* _WHAT YOU WILL DO_
Using the listing below, retype exactly the lines starting at the one with "#192=IFCINDEXEDPOLYGONALFACE((37,41,42,38));" and ending at the one with "#4=IFCGEOMETRICREPRESENTATIONCONTEXT($,'Model',3,1.E-05,#2,#3);", and include both.
DATA LISTING Block Start
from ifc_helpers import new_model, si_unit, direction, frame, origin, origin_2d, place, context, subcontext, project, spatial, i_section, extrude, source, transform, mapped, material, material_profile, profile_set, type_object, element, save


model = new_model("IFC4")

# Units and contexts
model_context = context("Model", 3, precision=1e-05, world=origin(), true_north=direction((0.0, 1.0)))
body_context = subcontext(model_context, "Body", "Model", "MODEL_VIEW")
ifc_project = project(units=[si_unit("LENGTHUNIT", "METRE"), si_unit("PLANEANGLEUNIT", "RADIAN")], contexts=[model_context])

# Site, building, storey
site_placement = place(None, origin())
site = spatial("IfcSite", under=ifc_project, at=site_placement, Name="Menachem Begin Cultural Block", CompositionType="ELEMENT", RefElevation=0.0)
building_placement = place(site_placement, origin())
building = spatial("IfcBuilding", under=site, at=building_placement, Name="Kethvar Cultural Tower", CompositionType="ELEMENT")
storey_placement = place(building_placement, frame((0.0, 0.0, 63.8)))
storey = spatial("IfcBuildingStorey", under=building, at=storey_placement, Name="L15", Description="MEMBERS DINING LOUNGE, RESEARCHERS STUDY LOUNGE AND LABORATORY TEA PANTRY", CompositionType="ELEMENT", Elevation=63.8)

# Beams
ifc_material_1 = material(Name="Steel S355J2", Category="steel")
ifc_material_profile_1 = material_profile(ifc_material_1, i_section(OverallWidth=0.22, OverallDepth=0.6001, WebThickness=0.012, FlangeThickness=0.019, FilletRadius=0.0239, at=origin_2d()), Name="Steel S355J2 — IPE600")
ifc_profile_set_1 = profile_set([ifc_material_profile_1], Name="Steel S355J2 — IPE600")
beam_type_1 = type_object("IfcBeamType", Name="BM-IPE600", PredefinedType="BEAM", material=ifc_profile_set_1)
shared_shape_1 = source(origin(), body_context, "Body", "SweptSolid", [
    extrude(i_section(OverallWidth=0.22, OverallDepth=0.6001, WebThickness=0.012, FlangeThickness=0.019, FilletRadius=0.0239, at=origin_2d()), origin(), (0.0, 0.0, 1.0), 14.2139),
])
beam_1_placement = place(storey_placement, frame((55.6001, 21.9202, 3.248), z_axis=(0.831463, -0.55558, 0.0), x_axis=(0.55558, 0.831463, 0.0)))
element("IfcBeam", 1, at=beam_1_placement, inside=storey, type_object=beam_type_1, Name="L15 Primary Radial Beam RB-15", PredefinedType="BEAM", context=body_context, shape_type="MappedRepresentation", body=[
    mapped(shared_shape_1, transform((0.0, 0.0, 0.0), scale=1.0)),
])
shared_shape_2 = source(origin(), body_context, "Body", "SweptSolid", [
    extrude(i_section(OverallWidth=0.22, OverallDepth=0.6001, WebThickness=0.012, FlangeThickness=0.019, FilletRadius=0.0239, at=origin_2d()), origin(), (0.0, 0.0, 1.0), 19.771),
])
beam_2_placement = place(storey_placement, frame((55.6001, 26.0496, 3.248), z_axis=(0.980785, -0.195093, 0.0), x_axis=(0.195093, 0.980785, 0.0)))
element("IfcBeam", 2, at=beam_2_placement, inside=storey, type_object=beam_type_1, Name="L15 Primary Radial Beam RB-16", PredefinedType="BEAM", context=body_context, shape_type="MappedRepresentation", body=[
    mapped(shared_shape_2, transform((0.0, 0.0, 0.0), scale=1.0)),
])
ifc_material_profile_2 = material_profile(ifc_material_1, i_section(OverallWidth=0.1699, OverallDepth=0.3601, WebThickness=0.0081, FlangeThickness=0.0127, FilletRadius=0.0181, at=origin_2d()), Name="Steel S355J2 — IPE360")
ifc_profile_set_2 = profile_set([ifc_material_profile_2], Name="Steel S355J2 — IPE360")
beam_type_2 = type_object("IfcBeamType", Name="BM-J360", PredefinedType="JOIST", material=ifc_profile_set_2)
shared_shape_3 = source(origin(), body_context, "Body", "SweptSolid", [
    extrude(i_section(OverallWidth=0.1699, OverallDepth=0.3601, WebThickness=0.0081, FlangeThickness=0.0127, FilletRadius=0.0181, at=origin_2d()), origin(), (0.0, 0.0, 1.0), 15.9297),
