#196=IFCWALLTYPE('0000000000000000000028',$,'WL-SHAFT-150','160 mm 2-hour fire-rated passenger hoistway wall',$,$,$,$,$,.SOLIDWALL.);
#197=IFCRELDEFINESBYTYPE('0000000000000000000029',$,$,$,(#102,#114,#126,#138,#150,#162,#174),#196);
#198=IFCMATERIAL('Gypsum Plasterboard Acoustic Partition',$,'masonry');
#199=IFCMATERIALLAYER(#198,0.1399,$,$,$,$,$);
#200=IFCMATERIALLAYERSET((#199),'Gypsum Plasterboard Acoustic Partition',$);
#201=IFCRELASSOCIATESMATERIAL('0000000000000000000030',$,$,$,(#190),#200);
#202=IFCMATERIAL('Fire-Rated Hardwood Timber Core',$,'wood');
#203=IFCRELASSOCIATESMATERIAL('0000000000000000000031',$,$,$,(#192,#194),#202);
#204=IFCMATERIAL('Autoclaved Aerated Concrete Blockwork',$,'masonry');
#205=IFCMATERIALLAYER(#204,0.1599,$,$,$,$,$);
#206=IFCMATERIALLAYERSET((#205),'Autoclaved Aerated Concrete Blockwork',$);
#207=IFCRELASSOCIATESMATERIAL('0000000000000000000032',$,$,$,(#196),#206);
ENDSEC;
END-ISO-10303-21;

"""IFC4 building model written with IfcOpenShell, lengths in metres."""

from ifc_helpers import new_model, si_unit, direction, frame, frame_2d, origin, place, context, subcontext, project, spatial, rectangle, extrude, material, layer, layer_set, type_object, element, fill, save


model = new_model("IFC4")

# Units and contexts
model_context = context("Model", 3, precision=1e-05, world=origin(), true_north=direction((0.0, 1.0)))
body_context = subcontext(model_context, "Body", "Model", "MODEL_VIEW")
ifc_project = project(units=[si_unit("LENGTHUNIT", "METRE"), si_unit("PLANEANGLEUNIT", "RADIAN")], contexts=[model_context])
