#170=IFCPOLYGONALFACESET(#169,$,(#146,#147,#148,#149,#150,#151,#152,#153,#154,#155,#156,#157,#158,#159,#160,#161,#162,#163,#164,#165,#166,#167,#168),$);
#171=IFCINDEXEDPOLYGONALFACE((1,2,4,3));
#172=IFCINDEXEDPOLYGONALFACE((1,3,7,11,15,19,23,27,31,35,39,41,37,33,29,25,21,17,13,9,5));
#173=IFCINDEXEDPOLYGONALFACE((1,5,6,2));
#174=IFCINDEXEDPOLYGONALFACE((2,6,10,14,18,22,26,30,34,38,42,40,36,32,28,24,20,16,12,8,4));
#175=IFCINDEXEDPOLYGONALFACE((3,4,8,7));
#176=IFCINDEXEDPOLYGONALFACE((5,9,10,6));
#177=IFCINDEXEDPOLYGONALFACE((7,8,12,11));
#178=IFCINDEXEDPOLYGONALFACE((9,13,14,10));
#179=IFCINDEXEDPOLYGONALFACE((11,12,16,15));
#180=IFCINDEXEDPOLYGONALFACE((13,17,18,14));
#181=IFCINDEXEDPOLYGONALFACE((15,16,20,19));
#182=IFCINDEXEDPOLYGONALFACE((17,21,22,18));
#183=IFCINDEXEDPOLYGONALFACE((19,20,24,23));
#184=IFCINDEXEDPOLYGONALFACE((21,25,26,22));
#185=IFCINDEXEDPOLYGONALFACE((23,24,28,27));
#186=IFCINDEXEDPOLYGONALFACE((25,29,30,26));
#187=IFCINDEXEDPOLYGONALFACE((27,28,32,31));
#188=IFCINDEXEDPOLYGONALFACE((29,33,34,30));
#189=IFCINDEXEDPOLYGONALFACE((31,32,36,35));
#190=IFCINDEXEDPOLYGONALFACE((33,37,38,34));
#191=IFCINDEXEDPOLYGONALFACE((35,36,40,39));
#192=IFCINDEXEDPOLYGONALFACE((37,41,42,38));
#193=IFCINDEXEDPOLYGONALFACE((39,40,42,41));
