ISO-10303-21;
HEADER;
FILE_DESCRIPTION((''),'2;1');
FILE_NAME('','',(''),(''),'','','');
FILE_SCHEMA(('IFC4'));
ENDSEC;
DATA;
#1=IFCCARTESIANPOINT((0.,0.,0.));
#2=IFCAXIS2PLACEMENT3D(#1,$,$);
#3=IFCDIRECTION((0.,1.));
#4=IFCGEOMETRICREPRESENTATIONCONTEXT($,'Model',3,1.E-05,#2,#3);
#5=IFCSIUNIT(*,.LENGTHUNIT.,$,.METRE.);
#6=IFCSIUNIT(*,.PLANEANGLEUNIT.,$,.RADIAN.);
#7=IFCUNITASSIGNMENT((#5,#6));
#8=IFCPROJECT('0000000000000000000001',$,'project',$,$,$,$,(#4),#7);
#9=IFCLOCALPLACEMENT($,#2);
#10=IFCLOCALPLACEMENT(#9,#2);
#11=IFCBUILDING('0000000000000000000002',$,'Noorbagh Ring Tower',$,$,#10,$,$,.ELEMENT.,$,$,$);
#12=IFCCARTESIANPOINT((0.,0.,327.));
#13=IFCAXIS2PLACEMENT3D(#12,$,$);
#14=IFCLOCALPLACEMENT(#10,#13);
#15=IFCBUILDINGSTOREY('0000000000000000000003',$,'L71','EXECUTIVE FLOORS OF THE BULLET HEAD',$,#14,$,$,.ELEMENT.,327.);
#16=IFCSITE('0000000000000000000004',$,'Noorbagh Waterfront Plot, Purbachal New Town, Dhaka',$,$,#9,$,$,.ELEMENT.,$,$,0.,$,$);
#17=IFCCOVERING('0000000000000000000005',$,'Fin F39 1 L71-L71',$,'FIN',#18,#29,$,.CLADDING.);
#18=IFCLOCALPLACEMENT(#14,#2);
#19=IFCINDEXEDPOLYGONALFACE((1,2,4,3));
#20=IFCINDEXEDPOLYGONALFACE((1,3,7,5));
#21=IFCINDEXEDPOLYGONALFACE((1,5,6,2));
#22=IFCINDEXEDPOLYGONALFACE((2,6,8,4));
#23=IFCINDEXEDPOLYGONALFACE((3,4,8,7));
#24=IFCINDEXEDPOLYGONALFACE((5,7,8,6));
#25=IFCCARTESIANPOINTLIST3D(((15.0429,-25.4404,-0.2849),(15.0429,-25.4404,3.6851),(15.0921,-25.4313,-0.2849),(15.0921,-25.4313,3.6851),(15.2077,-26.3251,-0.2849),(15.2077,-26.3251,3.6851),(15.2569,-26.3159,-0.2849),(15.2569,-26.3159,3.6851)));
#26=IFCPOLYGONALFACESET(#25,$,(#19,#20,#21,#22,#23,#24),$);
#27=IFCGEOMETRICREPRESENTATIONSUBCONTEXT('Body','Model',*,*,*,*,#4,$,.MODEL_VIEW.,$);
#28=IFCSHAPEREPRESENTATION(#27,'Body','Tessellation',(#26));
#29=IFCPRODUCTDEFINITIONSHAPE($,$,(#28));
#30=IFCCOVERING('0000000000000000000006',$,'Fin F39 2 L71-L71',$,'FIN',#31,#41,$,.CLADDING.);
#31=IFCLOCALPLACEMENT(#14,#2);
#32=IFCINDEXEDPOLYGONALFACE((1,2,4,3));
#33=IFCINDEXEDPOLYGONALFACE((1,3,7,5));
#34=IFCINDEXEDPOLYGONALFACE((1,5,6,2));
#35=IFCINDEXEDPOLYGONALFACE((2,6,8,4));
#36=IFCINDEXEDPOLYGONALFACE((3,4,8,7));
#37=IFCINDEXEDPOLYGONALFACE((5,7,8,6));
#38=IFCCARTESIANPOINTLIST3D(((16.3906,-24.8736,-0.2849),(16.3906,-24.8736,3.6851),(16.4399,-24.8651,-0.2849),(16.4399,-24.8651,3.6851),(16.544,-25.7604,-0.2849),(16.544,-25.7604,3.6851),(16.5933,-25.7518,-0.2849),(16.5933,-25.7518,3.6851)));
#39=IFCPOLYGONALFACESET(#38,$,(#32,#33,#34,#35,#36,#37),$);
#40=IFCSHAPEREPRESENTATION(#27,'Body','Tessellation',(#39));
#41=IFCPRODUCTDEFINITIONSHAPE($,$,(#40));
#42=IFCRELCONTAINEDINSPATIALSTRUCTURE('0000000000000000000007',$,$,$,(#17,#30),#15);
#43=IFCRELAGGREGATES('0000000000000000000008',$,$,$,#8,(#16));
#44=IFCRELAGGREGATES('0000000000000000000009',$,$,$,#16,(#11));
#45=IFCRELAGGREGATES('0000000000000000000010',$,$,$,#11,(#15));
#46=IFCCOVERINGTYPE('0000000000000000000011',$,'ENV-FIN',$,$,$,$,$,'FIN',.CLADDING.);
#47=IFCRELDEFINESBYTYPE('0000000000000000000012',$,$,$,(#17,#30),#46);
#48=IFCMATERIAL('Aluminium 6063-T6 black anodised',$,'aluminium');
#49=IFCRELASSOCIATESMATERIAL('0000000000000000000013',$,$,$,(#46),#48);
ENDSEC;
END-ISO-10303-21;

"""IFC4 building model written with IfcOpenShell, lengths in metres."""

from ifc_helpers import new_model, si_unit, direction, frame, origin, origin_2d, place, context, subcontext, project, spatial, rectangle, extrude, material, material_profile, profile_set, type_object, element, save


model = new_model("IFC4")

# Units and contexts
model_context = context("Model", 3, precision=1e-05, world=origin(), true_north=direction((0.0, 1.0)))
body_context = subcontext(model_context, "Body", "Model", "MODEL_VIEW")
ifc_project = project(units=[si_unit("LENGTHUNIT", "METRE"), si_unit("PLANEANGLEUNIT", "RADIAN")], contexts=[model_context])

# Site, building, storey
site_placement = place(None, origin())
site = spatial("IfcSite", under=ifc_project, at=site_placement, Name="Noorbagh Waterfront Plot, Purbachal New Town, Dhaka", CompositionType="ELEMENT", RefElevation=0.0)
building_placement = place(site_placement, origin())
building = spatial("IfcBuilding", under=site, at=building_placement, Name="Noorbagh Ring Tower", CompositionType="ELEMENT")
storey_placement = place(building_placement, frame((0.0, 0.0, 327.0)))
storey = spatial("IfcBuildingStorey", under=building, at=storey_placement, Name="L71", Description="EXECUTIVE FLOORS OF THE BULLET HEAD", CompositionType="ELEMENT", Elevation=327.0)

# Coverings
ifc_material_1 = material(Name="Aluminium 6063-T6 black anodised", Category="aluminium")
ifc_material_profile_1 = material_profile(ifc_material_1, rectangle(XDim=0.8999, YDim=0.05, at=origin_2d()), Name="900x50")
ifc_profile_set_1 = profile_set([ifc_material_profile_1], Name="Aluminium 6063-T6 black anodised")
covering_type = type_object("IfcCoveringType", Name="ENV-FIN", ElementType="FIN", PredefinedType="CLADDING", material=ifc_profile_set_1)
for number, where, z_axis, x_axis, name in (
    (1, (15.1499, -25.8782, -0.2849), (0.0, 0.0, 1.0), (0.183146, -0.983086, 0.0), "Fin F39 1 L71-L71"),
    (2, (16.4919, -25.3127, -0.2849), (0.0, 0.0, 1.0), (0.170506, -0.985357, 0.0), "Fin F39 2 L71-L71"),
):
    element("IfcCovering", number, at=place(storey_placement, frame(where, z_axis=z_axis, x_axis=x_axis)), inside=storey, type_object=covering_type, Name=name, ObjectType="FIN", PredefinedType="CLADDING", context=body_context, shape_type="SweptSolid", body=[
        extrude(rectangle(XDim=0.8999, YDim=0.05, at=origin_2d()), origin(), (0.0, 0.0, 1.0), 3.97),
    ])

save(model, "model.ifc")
DATA LISTING Block End
DATA LISTING Block Start
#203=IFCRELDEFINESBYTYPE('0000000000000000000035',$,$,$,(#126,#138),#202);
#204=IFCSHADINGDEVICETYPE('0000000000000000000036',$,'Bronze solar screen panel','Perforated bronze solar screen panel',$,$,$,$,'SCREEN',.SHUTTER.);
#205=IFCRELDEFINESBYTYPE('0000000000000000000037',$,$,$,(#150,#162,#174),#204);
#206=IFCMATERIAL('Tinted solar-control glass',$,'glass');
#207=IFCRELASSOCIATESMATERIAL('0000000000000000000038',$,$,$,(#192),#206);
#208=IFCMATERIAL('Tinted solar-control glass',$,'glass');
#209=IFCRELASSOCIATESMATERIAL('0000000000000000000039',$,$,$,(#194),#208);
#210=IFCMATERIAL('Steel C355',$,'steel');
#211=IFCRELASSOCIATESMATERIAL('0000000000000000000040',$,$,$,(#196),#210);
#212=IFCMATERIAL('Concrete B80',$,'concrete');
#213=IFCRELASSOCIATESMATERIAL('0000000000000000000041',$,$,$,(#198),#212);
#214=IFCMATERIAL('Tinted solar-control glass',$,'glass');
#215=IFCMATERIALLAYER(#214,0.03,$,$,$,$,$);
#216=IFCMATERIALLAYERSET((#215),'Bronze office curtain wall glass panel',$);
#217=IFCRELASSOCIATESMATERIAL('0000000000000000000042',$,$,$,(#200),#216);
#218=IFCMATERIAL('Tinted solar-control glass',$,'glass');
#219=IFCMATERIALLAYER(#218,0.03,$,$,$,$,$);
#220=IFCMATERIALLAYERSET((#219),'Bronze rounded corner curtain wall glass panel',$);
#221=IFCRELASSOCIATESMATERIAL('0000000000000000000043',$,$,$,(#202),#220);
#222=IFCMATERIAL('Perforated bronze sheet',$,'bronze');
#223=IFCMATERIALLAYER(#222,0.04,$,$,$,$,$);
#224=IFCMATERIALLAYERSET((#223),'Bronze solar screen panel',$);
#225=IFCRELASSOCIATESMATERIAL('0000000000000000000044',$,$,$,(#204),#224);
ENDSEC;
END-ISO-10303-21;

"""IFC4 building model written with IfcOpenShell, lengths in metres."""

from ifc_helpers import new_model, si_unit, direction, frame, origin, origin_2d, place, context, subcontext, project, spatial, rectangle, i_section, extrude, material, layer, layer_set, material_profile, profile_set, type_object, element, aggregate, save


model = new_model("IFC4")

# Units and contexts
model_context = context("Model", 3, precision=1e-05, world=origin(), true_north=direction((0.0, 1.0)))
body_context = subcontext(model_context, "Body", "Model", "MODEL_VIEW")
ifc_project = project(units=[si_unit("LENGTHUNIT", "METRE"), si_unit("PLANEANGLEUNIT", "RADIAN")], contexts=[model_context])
DATA LISTING Block End
* _ANSWER TO THE PROBLEM_
#192=IFCINDEXEDPOLYGONALFACE((37,41,42,38));
#193=IFCINDEXEDPOLYGONALFACE((39,40,42,41));
ISO-10303-21;
HEADER;
FILE_DESCRIPTION((''),'2;1');
FILE_NAME('','',(''),(''),'','','');
FILE_SCHEMA(('IFC4'));
ENDSEC;
DATA;
#1=IFCCARTESIANPOINT((0.,0.,0.));
#2=IFCAXIS2PLACEMENT3D(#1,$,$);
#3=IFCDIRECTION((0.,1.));
#4=IFCGEOMETRICREPRESENTATIONCONTEXT($,'Model',3,1.E-05,#2,#3);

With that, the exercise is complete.